*Task prompt*
Where a line in the records below contains the string "YDim", tally it; give only the final number.

Collected data entries:
%%

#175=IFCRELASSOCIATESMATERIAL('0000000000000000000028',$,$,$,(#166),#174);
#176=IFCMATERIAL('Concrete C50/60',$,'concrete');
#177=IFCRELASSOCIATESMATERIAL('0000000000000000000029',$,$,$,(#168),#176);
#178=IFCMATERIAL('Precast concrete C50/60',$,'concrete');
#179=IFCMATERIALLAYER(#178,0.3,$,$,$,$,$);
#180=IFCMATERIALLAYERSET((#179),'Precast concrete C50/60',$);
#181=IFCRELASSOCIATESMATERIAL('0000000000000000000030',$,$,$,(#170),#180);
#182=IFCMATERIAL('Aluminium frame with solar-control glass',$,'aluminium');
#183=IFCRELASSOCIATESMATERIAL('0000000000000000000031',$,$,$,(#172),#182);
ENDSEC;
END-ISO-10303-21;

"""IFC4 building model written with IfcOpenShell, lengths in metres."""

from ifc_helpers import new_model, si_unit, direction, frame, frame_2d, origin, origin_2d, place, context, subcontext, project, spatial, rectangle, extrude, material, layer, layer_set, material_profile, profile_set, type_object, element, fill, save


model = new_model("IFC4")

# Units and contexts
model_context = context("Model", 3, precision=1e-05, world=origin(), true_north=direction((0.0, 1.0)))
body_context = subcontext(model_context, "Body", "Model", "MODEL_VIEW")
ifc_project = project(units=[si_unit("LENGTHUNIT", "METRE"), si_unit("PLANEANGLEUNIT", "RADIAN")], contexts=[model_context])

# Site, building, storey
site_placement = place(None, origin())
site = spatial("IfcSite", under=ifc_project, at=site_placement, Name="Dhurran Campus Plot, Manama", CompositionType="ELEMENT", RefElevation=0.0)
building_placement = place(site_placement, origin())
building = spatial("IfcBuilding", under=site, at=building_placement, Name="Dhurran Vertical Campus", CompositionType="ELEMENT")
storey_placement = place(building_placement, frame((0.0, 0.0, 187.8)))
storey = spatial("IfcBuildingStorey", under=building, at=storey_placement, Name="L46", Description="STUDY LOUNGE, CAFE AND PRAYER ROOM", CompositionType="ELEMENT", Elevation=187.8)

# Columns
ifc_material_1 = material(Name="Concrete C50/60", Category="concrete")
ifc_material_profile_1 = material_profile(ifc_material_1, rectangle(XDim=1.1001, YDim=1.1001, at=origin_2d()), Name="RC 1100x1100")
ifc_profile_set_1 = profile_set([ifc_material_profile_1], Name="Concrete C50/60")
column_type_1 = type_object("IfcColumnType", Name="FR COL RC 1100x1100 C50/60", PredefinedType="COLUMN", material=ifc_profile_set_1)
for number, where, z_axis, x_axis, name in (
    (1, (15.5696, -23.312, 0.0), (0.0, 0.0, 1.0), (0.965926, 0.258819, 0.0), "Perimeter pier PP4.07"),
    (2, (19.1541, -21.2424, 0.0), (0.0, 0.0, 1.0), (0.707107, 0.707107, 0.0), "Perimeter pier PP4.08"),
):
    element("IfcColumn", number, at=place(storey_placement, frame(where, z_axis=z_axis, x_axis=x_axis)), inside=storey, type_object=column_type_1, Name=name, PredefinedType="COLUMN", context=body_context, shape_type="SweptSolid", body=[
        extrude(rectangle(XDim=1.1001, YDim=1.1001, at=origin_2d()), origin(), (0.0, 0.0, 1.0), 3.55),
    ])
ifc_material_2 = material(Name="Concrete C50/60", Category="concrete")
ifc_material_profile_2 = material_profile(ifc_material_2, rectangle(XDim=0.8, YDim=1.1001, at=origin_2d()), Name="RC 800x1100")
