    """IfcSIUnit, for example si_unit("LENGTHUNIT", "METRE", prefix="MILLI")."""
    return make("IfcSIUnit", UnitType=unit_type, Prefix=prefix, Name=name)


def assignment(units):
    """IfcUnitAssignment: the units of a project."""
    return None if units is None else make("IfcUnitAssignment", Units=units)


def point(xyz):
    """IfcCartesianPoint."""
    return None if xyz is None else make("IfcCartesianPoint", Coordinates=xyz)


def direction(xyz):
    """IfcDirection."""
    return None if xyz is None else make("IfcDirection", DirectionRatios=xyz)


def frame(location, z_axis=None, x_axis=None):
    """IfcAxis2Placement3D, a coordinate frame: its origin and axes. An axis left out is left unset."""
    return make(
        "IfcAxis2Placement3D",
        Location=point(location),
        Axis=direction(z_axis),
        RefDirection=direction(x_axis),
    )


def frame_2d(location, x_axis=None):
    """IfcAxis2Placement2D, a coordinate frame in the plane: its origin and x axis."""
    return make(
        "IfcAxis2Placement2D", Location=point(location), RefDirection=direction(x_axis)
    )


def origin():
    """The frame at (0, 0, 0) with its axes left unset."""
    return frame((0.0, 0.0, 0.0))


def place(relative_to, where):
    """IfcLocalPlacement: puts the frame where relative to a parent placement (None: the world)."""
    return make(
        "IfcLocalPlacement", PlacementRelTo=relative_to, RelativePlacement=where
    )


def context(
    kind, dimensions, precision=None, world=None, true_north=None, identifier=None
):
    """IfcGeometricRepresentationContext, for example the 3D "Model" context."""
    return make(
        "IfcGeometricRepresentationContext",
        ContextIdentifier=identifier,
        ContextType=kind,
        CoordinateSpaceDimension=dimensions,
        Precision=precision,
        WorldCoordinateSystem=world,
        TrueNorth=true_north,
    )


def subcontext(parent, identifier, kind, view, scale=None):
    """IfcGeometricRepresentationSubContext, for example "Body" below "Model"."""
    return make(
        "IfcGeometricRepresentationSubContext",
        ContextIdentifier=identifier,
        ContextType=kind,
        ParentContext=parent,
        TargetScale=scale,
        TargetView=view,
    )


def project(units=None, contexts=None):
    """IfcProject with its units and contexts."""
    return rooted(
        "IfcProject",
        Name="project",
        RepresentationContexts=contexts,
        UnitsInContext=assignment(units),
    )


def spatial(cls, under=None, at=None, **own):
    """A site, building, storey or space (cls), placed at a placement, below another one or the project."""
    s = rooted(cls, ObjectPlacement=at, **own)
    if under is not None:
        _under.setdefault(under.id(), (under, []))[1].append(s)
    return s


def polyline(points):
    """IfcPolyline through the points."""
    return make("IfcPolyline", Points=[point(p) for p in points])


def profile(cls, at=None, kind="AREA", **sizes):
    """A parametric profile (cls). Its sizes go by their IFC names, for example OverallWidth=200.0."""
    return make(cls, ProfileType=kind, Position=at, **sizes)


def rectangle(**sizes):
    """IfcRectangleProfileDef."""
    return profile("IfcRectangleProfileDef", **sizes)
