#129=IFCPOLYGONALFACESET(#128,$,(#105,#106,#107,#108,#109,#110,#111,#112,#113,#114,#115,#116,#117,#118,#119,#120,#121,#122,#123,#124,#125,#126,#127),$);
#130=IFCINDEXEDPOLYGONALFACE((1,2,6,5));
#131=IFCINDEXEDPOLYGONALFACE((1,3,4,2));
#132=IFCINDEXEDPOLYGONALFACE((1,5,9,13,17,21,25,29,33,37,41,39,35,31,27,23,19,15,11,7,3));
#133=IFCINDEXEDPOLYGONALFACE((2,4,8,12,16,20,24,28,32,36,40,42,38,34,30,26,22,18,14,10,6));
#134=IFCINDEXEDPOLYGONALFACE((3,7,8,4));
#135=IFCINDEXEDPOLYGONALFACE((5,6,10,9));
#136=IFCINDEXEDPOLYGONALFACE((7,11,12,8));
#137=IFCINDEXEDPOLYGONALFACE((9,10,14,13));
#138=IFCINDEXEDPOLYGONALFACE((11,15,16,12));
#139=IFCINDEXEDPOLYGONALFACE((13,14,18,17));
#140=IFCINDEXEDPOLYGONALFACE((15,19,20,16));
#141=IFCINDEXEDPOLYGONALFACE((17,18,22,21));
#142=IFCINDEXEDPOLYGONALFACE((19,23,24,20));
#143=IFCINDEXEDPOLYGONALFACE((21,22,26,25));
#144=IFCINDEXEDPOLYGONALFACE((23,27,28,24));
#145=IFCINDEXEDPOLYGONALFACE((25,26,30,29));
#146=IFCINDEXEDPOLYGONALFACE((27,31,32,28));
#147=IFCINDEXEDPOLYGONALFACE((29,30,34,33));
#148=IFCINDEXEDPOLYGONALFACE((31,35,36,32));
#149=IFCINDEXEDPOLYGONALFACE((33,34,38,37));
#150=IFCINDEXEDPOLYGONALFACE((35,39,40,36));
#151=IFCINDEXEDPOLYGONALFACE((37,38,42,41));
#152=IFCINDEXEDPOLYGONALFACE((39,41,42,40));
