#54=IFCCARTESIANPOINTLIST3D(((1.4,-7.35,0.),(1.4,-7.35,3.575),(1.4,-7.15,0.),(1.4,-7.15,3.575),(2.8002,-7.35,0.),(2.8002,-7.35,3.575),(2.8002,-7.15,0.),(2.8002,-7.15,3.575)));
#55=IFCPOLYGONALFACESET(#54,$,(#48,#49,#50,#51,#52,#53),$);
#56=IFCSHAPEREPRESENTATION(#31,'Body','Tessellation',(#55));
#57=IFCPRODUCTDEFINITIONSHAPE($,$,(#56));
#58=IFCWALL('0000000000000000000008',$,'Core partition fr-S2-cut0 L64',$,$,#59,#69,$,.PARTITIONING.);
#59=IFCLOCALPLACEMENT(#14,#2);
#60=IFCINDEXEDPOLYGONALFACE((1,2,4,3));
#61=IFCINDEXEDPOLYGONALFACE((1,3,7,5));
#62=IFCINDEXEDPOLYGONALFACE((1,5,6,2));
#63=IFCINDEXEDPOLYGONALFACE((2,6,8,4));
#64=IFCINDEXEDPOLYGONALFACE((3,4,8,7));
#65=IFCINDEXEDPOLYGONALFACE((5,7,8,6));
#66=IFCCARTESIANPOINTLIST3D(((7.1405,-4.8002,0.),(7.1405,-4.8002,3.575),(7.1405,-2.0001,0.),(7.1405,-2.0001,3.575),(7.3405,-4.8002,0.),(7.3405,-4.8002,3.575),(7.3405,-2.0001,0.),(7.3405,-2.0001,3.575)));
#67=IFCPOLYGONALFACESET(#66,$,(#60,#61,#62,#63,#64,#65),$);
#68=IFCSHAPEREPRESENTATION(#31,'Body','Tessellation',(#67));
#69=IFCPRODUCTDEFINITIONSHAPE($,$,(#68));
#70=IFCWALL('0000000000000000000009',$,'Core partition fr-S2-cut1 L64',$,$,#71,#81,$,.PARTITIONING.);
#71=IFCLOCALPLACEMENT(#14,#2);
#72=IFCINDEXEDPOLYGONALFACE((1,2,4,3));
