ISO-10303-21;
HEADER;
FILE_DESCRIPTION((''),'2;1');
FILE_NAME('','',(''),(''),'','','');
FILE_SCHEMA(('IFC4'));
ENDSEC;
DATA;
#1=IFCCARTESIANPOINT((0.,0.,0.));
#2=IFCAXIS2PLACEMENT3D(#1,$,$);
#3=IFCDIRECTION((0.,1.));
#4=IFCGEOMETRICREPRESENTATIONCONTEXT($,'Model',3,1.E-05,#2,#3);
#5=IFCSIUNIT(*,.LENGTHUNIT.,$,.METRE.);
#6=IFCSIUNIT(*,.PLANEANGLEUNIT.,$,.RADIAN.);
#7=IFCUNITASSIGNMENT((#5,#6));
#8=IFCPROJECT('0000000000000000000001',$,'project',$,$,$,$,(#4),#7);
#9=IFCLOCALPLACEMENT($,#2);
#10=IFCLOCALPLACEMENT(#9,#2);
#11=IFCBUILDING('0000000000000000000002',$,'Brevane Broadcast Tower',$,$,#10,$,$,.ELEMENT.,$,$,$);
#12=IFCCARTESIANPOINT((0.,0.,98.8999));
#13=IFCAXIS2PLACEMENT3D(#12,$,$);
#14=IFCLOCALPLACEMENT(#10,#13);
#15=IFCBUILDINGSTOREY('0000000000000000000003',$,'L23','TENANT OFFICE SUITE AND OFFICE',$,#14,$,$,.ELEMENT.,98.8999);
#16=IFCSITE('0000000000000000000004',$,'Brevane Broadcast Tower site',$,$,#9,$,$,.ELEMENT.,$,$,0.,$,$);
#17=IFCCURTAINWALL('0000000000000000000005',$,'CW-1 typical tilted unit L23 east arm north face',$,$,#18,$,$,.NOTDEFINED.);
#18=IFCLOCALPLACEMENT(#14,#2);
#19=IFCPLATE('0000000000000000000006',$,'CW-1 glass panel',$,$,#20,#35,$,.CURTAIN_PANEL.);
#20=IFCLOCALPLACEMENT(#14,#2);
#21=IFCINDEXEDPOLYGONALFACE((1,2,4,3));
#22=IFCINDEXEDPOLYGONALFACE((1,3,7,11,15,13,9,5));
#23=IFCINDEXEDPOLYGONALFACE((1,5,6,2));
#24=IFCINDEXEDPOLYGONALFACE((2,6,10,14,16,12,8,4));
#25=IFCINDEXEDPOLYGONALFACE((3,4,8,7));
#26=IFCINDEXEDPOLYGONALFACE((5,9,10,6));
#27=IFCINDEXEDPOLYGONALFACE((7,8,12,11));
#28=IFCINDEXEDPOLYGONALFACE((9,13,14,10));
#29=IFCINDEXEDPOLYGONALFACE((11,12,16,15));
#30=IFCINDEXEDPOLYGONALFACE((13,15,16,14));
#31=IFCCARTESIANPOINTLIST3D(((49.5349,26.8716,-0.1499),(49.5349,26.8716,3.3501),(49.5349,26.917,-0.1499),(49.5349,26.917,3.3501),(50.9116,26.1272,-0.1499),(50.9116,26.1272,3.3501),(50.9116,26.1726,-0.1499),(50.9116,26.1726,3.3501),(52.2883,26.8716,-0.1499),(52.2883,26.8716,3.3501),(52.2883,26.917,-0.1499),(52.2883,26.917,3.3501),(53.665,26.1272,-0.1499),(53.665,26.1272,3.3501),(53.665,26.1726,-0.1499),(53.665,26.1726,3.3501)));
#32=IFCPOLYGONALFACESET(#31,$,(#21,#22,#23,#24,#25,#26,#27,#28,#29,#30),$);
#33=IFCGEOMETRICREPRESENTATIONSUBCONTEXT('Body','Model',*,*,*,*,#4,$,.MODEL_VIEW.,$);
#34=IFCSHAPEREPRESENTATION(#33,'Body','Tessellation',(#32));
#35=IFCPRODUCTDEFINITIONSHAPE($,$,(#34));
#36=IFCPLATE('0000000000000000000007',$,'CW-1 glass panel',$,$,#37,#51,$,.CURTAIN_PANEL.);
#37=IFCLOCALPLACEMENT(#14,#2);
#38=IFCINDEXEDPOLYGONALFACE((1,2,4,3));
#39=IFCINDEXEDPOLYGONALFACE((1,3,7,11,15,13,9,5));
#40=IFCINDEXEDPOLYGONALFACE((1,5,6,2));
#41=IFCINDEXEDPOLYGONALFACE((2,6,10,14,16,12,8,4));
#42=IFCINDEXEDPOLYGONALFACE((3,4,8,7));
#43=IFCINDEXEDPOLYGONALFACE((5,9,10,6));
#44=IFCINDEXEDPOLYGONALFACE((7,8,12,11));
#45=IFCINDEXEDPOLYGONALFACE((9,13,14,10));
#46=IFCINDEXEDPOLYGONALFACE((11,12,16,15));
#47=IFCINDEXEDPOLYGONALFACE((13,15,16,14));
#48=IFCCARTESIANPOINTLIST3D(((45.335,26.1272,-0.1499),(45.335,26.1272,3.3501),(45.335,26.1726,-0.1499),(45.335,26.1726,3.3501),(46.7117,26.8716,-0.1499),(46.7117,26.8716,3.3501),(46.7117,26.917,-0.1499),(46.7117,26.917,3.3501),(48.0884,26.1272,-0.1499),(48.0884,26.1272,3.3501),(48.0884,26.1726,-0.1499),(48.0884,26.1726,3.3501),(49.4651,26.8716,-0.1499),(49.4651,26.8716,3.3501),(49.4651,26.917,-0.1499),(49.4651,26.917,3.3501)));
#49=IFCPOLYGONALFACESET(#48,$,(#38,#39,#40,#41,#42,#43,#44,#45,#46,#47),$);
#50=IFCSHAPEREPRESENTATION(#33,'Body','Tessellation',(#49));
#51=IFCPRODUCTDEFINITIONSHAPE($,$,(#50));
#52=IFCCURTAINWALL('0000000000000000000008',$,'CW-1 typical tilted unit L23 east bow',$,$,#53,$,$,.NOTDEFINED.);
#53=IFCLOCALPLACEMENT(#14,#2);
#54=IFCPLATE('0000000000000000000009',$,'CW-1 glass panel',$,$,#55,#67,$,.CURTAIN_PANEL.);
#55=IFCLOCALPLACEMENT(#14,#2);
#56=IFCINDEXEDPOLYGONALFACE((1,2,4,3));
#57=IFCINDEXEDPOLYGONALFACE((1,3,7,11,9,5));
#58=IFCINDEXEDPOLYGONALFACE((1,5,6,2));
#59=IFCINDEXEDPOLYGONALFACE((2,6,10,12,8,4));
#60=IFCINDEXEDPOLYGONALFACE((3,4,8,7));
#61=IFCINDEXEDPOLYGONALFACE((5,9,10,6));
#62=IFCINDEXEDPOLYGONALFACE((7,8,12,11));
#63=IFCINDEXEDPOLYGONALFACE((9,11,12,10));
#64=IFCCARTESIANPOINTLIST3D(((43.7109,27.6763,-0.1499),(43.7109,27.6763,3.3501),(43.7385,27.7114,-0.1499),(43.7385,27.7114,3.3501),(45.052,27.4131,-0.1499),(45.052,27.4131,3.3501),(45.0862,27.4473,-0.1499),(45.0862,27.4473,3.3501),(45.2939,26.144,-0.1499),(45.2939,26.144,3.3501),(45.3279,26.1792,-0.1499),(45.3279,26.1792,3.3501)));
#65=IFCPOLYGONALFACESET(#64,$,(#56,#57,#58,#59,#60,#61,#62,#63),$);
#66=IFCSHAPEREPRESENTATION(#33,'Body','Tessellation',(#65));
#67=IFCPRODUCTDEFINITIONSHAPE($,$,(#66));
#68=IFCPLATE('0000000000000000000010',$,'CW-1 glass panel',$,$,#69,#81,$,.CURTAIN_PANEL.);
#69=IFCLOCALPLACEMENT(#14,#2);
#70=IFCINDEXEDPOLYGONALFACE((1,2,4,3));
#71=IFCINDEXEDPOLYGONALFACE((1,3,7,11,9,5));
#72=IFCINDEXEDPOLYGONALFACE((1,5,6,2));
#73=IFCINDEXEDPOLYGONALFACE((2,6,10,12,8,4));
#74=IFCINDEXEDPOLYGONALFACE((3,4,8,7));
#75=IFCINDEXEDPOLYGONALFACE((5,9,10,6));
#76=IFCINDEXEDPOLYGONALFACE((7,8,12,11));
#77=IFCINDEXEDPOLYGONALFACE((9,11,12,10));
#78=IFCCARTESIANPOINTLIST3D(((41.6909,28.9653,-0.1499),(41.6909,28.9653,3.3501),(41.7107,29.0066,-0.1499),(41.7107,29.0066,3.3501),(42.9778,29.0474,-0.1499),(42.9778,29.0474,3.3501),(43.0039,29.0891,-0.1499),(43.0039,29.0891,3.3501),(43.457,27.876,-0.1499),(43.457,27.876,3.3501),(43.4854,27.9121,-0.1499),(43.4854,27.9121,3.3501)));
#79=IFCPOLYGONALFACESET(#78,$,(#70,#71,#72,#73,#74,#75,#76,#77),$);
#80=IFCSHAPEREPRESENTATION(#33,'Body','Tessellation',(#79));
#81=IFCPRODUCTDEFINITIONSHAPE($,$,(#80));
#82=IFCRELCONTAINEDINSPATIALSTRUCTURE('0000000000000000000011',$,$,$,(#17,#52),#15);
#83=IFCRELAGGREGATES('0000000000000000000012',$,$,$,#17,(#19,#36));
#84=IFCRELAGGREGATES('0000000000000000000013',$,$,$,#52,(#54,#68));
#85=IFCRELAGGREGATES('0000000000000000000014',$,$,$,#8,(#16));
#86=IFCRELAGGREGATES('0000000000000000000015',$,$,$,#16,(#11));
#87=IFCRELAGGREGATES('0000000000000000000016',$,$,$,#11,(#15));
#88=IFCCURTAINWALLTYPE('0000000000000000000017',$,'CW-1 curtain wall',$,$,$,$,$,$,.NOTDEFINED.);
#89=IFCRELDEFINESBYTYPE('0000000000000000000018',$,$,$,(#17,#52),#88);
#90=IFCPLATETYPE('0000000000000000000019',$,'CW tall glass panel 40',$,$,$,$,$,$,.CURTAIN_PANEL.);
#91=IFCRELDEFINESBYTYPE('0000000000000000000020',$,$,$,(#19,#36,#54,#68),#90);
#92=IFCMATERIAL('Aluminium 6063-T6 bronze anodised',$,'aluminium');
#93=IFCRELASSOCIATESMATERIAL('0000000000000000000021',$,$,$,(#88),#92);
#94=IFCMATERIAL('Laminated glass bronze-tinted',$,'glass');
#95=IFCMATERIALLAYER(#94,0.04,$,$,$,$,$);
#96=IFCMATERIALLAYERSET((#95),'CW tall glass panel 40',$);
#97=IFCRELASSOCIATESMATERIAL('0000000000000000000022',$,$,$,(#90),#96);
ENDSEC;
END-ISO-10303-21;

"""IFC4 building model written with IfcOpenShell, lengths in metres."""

from ifc_helpers import new_model, si_unit, direction, frame, origin, place, context, subcontext, project, spatial, polyline, outline, extrude, material, layer, layer_set, type_object, element, aggregate, save


model = new_model("IFC4")

# Units and contexts
model_context = context("Model", 3, precision=1e-05, world=origin(), true_north=direction((0.0, 1.0)))
body_context = subcontext(model_context, "Body", "Model", "MODEL_VIEW")
ifc_project = project(units=[si_unit("LENGTHUNIT", "METRE"), si_unit("PLANEANGLEUNIT", "RADIAN")], contexts=[model_context])

# Site, building, storey
site_placement = place(None, origin())
site = spatial("IfcSite", under=ifc_project, at=site_placement, Name="Brevane Broadcast Tower site", CompositionType="ELEMENT", RefElevation=0.0)
building_placement = place(site_placement, origin())
building = spatial("IfcBuilding", under=site, at=building_placement, Name="Brevane Broadcast Tower", CompositionType="ELEMENT")
storey_placement = place(building_placement, frame((0.0, 0.0, 98.8999)))
storey = spatial("IfcBuildingStorey", under=building, at=storey_placement, Name="L23", Description="TENANT OFFICE SUITE AND OFFICE", CompositionType="ELEMENT", Elevation=98.8999)

# Curtain walls, plates
ifc_material_1 = material(Name="Aluminium 6063-T6 bronze anodised", Category="aluminium")
curtain_wall_type = type_object("IfcCurtainWallType", Name="CW-1 curtain wall", PredefinedType="NOTDEFINED", material=ifc_material_1)
ifc_material_2 = material(Name="Laminated glass bronze-tinted", Category="glass")
ifc_layer = layer(ifc_material_2, 0.04)
ifc_layer_set = layer_set([ifc_layer], Name="CW tall glass panel 40")
plate_type = type_object("IfcPlateType", Name="CW tall glass panel 40", PredefinedType="CURTAIN_PANEL", material=ifc_layer_set)
curtain_wall_1_placement = place(storey_placement, origin())
curtain_wall_1 = element("IfcCurtainWall", 1, at=curtain_wall_1_placement, inside=storey, type_object=curtain_wall_type, Name="CW-1 typical tilted unit L23 east arm north face", PredefinedType="NOTDEFINED")
plate_1_placement = place(storey_placement, frame((0.0, 0.0, -0.1499)))
plate_1 = element("IfcPlate", 2, at=plate_1_placement, type_object=plate_type, Name="CW-1 glass panel", PredefinedType="CURTAIN_PANEL", context=body_context, shape_type="SweptSolid", body=[
    extrude(outline(polyline([(53.665, 26.1272), (53.665, 26.1726), (52.2883, 26.917), (50.9116, 26.1726), (49.5349, 26.917), (49.5349, 26.8716), (50.9116, 26.1272), (52.2883, 26.8716), (53.665, 26.1272)])), origin(), (0.0, 0.0, 1.0), 3.5),
])
plate_2_placement = place(storey_placement, frame((0.0, 0.0, -0.1499)))
plate_2 = element("IfcPlate", 3, at=plate_2_placement, type_object=plate_type, Name="CW-1 glass panel", PredefinedType="CURTAIN_PANEL", context=body_context, shape_type="SweptSolid", body=[
    extrude(outline(polyline([(49.4651, 26.8716), (49.4651, 26.917), (48.0884, 26.1726), (46.7117, 26.917), (45.335, 26.1726), (45.335, 26.1272), (46.7117, 26.8716), (48.0884, 26.1272), (49.4651, 26.8716)])), origin(), (0.0, 0.0, 1.0), 3.5),
])
aggregate(curtain_wall_1, [plate_1, plate_2])
curtain_wall_2_placement = place(storey_placement, origin())
curtain_wall_2 = element("IfcCurtainWall", 4, at=curtain_wall_2_placement, inside=storey, type_object=curtain_wall_type, Name="CW-1 typical tilted unit L23 east bow", PredefinedType="NOTDEFINED")
plate_3_placement = place(storey_placement, frame((0.0, 0.0, -0.1499)))
plate_3 = element("IfcPlate", 5, at=plate_3_placement, type_object=plate_type, Name="CW-1 glass panel", PredefinedType="CURTAIN_PANEL", context=body_context, shape_type="SweptSolid", body=[
    extrude(outline(polyline([(45.2939, 26.144), (45.3279, 26.1792), (45.0862, 27.4473), (43.7385, 27.7114), (43.7109, 27.6763), (45.052, 27.4131), (45.2939, 26.144)])), origin(), (0.0, 0.0, 1.0), 3.5),
])
plate_4_placement = place(storey_placement, frame((0.0, 0.0, -0.1499)))
plate_4 = element("IfcPlate", 6, at=plate_4_placement, type_object=plate_type, Name="CW-1 glass panel", PredefinedType="CURTAIN_PANEL", context=body_context, shape_type="SweptSolid", body=[
    extrude(outline(polyline([(43.457, 27.876), (43.4854, 27.9121), (43.0039, 29.0891), (41.7107, 29.0066), (41.6909, 28.9653), (42.9778, 29.0474), (43.457, 27.876)])), origin(), (0.0, 0.0, 1.0), 3.5),
])
aggregate(curtain_wall_2, [plate_3, plate_4])

save(model, "model.ifc")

%%

*Solution to the problem*
3